WHAT YOU WILL DO -
Only a slice of the listing below is wanted. Retype the lines from the one containing "#68=IFCSHAPEREPRESENTATION(#31,'Body','Tessellation',(#67));" through the one containing "#83=IFCLOCALPLACEMENT(#14,#2);", exactly, both ends included.
----------------------------------------
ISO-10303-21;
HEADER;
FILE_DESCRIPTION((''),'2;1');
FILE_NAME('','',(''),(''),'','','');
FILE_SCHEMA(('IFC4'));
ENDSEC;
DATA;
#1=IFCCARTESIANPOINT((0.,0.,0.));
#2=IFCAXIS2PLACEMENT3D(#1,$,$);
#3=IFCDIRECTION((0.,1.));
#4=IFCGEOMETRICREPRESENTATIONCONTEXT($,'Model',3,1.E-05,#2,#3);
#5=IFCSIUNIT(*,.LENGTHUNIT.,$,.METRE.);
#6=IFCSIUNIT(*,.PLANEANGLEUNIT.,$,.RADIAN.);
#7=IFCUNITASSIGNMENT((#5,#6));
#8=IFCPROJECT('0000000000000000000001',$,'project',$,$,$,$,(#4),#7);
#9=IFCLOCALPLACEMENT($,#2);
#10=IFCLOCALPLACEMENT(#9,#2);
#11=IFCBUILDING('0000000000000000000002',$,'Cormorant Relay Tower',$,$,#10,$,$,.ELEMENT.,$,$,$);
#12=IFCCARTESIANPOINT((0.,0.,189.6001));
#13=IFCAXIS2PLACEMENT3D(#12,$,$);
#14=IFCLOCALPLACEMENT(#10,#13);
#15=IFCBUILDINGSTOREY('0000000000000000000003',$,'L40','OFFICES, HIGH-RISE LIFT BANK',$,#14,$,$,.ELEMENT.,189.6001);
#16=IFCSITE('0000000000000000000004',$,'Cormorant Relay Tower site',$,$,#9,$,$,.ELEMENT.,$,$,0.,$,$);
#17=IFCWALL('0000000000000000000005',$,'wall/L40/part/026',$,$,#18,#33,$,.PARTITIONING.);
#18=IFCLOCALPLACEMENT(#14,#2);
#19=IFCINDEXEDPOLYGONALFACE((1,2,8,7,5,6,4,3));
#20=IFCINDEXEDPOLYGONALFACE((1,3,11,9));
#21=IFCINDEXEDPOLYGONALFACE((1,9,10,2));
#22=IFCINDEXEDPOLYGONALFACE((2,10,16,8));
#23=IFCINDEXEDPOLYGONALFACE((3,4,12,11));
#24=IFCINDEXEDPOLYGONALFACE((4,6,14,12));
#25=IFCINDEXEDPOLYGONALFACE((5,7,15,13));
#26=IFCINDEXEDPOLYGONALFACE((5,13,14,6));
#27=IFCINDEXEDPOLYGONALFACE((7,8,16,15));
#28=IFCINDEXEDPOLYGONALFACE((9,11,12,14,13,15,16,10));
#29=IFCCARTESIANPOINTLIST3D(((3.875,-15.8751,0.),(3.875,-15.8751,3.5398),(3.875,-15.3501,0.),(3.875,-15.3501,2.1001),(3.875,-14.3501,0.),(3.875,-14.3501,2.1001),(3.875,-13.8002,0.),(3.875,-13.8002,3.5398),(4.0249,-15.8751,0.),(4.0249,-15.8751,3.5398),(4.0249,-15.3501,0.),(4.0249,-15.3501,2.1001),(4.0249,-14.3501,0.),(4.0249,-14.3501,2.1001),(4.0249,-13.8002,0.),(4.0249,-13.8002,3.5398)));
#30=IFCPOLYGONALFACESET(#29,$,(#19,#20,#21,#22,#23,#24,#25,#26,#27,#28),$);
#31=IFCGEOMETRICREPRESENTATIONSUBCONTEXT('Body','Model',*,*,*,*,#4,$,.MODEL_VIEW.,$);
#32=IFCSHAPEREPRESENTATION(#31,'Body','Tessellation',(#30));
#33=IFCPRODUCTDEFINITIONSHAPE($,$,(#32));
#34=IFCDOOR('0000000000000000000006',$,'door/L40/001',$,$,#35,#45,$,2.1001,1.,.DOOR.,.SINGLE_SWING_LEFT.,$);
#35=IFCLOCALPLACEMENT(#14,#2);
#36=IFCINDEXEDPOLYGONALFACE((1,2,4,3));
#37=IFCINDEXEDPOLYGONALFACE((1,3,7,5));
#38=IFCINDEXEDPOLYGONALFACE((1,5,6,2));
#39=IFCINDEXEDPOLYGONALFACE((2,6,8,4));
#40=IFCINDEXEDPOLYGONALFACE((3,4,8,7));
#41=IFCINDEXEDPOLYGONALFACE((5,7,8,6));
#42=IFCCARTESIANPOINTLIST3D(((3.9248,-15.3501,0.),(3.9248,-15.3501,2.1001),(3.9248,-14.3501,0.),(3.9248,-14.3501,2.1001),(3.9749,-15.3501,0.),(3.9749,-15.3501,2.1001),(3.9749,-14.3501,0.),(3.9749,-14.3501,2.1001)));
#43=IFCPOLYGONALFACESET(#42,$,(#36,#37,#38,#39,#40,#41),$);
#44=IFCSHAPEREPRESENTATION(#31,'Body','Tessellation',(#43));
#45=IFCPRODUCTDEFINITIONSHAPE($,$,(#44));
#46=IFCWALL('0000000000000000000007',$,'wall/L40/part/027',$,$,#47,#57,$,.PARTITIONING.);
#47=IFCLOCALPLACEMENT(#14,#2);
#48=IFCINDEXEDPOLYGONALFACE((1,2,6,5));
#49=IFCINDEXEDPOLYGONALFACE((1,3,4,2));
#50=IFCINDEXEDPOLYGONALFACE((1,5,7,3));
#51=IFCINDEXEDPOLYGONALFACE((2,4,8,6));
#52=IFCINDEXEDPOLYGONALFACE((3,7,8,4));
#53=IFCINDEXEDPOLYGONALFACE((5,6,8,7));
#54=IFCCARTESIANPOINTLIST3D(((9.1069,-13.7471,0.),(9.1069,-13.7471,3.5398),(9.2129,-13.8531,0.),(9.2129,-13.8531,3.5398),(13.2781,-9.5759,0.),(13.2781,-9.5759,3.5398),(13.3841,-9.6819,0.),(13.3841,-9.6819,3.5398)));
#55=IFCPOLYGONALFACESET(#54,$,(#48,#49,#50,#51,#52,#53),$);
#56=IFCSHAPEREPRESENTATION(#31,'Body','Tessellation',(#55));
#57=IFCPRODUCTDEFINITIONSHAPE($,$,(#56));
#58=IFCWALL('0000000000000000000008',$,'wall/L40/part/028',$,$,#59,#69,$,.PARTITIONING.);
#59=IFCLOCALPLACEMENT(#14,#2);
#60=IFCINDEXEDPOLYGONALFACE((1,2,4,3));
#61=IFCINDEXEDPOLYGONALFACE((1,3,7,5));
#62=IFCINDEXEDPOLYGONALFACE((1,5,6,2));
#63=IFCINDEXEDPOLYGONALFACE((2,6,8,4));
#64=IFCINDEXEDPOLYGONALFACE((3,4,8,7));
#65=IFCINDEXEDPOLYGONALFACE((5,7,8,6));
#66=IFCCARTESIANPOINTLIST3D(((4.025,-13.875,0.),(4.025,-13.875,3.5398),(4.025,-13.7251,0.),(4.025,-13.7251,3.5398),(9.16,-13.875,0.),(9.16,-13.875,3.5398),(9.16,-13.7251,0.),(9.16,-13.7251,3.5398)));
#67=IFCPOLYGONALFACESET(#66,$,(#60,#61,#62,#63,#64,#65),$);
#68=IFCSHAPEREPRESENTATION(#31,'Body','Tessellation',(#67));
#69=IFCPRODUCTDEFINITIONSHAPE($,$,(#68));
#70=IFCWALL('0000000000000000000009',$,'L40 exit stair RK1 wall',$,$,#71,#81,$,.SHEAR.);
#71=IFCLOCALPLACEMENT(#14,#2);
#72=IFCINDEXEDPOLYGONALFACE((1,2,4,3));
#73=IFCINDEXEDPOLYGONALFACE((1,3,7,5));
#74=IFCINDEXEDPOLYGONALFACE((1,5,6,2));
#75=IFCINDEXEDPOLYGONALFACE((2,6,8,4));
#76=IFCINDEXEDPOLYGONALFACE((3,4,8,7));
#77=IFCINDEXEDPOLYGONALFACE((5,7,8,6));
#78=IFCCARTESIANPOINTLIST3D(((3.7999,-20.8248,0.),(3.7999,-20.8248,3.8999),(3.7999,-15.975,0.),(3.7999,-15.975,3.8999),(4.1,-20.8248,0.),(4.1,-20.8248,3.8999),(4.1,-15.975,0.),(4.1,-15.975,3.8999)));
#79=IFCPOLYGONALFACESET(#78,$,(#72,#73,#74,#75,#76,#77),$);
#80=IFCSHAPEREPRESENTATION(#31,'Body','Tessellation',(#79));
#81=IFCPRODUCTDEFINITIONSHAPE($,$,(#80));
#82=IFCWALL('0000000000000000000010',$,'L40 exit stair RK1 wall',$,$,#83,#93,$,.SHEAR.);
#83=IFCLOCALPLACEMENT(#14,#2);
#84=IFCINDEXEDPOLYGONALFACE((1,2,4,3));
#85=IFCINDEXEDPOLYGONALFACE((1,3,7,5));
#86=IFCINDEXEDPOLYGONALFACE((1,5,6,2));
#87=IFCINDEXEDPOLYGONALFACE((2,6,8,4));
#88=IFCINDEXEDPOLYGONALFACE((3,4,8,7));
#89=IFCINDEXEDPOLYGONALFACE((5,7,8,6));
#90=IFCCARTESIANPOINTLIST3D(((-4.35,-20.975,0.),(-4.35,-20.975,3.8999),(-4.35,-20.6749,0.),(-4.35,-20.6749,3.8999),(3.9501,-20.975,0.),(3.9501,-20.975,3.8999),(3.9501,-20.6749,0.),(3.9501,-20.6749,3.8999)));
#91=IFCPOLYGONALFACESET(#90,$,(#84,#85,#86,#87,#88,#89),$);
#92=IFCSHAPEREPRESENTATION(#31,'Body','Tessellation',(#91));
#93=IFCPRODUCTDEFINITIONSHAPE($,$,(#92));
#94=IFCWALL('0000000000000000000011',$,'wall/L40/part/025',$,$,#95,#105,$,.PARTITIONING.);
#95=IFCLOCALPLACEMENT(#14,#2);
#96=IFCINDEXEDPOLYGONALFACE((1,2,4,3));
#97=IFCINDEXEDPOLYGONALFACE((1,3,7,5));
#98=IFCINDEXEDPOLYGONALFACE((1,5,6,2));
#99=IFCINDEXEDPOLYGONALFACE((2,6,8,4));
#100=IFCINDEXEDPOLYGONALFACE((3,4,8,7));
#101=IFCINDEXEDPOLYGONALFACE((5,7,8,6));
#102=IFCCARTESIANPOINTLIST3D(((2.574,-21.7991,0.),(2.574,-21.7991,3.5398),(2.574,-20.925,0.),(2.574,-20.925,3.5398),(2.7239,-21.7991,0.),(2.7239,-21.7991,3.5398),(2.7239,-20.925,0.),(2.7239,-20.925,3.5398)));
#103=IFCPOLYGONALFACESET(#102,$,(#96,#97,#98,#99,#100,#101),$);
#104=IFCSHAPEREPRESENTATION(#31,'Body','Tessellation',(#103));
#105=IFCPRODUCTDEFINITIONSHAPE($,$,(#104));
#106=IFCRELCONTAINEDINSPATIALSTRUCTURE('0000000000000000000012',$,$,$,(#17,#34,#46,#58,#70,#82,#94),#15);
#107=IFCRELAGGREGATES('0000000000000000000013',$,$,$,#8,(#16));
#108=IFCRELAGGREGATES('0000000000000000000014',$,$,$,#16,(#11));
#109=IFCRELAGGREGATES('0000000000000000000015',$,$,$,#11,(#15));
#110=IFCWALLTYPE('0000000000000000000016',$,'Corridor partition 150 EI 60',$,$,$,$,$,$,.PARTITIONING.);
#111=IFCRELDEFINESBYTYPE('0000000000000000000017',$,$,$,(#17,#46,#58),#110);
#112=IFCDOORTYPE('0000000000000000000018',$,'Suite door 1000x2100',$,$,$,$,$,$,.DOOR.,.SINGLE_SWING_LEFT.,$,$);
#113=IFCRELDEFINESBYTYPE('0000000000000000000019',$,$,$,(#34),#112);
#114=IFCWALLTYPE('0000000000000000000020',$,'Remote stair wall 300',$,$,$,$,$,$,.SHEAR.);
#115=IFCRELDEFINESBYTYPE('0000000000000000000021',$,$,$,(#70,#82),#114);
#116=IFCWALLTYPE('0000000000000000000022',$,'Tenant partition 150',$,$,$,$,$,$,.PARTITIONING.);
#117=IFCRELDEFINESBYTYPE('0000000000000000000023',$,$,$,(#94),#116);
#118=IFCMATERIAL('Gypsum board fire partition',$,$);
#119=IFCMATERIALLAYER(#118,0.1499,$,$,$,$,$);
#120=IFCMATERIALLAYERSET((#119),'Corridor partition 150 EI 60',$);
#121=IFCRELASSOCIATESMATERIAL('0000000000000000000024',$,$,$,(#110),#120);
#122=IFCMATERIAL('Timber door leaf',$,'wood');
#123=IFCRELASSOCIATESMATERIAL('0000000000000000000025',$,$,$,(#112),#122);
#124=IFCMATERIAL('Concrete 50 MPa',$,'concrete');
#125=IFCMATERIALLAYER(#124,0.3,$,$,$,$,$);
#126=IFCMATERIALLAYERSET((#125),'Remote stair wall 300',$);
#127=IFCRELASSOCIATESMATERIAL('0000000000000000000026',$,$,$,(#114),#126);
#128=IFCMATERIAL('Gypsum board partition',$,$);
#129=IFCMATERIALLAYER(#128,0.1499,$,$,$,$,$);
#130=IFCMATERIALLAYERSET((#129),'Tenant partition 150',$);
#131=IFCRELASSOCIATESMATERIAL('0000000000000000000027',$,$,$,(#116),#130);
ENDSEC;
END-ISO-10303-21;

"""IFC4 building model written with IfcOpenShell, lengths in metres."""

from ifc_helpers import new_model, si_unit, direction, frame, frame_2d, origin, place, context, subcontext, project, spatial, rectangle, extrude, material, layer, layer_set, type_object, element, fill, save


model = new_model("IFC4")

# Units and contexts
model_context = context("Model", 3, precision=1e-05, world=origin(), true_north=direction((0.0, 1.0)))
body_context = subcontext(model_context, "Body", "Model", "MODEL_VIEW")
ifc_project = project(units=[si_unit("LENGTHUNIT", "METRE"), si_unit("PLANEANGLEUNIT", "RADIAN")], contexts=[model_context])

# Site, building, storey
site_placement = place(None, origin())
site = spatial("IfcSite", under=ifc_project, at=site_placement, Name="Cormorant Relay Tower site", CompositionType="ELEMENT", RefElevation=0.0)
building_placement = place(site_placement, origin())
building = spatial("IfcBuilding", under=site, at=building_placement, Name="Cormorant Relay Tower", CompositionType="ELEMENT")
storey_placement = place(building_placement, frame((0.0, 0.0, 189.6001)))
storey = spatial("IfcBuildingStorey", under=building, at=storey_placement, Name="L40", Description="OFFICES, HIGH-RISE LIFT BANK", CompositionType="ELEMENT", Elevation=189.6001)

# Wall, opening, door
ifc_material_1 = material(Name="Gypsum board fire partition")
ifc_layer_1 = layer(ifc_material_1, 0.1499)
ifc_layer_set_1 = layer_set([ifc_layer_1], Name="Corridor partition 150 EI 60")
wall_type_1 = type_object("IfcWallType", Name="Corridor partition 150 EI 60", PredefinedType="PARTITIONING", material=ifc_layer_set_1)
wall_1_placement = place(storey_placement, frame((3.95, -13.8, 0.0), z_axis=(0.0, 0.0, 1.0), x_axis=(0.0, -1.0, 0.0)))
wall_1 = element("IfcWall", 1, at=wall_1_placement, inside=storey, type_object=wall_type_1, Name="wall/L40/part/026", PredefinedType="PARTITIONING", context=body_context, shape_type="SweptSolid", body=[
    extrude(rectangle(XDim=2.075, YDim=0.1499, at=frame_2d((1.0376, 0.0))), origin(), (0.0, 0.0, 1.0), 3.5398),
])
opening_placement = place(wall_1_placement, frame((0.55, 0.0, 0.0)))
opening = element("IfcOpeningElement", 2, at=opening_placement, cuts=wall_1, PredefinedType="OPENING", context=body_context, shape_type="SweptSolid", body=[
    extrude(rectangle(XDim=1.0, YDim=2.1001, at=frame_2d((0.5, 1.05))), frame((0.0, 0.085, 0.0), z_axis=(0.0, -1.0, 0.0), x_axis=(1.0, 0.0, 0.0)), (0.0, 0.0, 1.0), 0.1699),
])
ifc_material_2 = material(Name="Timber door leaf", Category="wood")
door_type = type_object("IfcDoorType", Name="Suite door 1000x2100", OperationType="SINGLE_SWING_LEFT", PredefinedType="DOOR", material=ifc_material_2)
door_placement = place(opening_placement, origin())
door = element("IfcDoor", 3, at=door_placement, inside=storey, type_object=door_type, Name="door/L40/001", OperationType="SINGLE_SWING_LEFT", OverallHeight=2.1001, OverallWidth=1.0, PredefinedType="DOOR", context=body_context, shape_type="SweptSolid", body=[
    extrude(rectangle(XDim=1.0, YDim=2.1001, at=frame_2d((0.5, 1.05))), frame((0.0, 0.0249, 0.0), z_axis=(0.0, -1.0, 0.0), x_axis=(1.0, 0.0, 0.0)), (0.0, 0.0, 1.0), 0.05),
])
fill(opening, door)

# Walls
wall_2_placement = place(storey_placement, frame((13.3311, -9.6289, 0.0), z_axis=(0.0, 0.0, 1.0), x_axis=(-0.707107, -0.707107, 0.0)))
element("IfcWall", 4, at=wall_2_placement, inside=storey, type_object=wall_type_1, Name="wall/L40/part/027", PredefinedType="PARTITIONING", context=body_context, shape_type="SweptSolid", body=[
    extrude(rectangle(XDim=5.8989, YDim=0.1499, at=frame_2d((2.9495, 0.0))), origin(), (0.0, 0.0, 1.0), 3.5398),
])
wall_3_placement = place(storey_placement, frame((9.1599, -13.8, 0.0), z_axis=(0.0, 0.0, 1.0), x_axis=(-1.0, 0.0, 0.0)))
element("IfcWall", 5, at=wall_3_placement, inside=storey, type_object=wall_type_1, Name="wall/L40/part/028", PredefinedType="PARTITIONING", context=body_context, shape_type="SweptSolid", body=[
----------------------------------------
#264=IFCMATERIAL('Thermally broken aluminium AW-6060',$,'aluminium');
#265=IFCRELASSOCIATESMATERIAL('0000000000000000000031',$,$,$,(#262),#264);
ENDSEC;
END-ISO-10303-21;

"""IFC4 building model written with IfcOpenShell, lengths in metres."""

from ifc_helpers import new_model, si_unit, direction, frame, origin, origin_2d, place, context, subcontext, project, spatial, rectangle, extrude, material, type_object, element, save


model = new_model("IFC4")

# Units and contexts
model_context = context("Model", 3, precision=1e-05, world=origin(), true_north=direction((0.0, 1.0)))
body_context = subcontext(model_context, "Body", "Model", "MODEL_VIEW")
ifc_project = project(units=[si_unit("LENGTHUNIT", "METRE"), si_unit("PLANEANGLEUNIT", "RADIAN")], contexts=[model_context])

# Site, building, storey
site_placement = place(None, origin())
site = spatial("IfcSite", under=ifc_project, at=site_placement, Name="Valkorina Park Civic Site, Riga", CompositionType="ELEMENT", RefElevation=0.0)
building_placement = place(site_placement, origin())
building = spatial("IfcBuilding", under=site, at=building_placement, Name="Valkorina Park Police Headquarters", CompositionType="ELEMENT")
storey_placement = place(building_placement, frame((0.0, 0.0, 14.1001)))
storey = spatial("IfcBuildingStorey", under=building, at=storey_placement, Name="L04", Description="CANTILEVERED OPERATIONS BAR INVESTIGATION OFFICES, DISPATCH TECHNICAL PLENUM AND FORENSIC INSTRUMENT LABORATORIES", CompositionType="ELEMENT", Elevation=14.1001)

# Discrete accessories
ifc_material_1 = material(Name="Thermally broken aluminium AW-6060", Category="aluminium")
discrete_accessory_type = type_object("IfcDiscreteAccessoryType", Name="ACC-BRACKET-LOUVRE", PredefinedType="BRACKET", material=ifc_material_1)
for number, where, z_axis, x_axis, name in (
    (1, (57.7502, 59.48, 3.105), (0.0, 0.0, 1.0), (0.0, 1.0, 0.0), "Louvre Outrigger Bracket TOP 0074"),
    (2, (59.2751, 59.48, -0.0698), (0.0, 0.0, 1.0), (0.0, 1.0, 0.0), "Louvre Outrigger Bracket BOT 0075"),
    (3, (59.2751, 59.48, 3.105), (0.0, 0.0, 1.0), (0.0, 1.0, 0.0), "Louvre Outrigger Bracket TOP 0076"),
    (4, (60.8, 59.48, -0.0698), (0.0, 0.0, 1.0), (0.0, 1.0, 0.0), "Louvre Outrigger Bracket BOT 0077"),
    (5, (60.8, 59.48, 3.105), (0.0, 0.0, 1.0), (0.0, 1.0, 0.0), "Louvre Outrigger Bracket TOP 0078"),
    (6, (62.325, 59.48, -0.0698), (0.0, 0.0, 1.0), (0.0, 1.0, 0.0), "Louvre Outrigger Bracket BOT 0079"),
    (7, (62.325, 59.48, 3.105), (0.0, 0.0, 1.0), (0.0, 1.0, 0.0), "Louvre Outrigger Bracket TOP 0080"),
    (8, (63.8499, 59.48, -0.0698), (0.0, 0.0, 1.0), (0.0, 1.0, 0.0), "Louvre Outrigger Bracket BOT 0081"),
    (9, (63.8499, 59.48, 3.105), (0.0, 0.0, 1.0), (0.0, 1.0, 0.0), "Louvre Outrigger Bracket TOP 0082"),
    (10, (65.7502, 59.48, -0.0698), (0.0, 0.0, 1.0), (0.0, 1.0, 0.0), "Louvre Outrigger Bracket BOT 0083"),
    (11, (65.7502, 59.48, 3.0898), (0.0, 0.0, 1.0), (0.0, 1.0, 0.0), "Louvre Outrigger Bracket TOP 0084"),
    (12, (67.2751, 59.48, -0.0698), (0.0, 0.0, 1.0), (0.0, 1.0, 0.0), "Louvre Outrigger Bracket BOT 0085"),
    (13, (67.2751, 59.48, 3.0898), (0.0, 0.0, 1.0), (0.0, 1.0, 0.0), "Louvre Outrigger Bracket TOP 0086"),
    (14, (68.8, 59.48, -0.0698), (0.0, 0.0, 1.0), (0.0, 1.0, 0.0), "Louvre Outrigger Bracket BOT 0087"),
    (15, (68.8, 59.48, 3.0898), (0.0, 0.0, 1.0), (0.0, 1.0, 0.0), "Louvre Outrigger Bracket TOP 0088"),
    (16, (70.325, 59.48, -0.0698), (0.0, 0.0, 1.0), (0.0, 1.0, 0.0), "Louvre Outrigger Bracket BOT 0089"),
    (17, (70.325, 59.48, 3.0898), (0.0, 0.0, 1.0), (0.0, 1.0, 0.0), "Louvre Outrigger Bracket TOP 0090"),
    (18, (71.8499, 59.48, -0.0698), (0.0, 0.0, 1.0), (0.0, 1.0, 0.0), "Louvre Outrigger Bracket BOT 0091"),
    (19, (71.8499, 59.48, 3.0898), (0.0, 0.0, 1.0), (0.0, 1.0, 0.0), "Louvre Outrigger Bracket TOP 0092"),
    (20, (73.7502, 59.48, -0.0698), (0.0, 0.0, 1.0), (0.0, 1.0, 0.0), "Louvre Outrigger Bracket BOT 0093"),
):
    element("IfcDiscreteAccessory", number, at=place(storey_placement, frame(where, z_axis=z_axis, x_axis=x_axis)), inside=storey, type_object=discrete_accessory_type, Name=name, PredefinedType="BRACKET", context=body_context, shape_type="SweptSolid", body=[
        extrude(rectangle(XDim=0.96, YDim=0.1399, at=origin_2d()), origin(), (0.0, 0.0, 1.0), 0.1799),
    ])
----------------------------------------
ANSWER TO THIS EXERCISE -
#68=IFCSHAPEREPRESENTATION(#31,'Body','Tessellation',(#67));
#69=IFCPRODUCTDEFINITIONSHAPE($,$,(#68));
#70=IFCWALL('0000000000000000000009',$,'L40 exit stair RK1 wall',$,$,#71,#81,$,.SHEAR.);
#71=IFCLOCALPLACEMENT(#14,#2);
#72=IFCINDEXEDPOLYGONALFACE((1,2,4,3));
#73=IFCINDEXEDPOLYGONALFACE((1,3,7,5));
#74=IFCINDEXEDPOLYGONALFACE((1,5,6,2));
#75=IFCINDEXEDPOLYGONALFACE((2,6,8,4));
#76=IFCINDEXEDPOLYGONALFACE((3,4,8,7));
#77=IFCINDEXEDPOLYGONALFACE((5,7,8,6));
#78=IFCCARTESIANPOINTLIST3D(((3.7999,-20.8248,0.),(3.7999,-20.8248,3.8999),(3.7999,-15.975,0.),(3.7999,-15.975,3.8999),(4.1,-20.8248,0.),(4.1,-20.8248,3.8999),(4.1,-15.975,0.),(4.1,-15.975,3.8999)));
#79=IFCPOLYGONALFACESET(#78,$,(#72,#73,#74,#75,#76,#77),$);
#80=IFCSHAPEREPRESENTATION(#31,'Body','Tessellation',(#79));
#81=IFCPRODUCTDEFINITIONSHAPE($,$,(#80));
#82=IFCWALL('0000000000000000000010',$,'L40 exit stair RK1 wall',$,$,#83,#93,$,.SHEAR.);
#83=IFCLOCALPLACEMENT(#14,#2);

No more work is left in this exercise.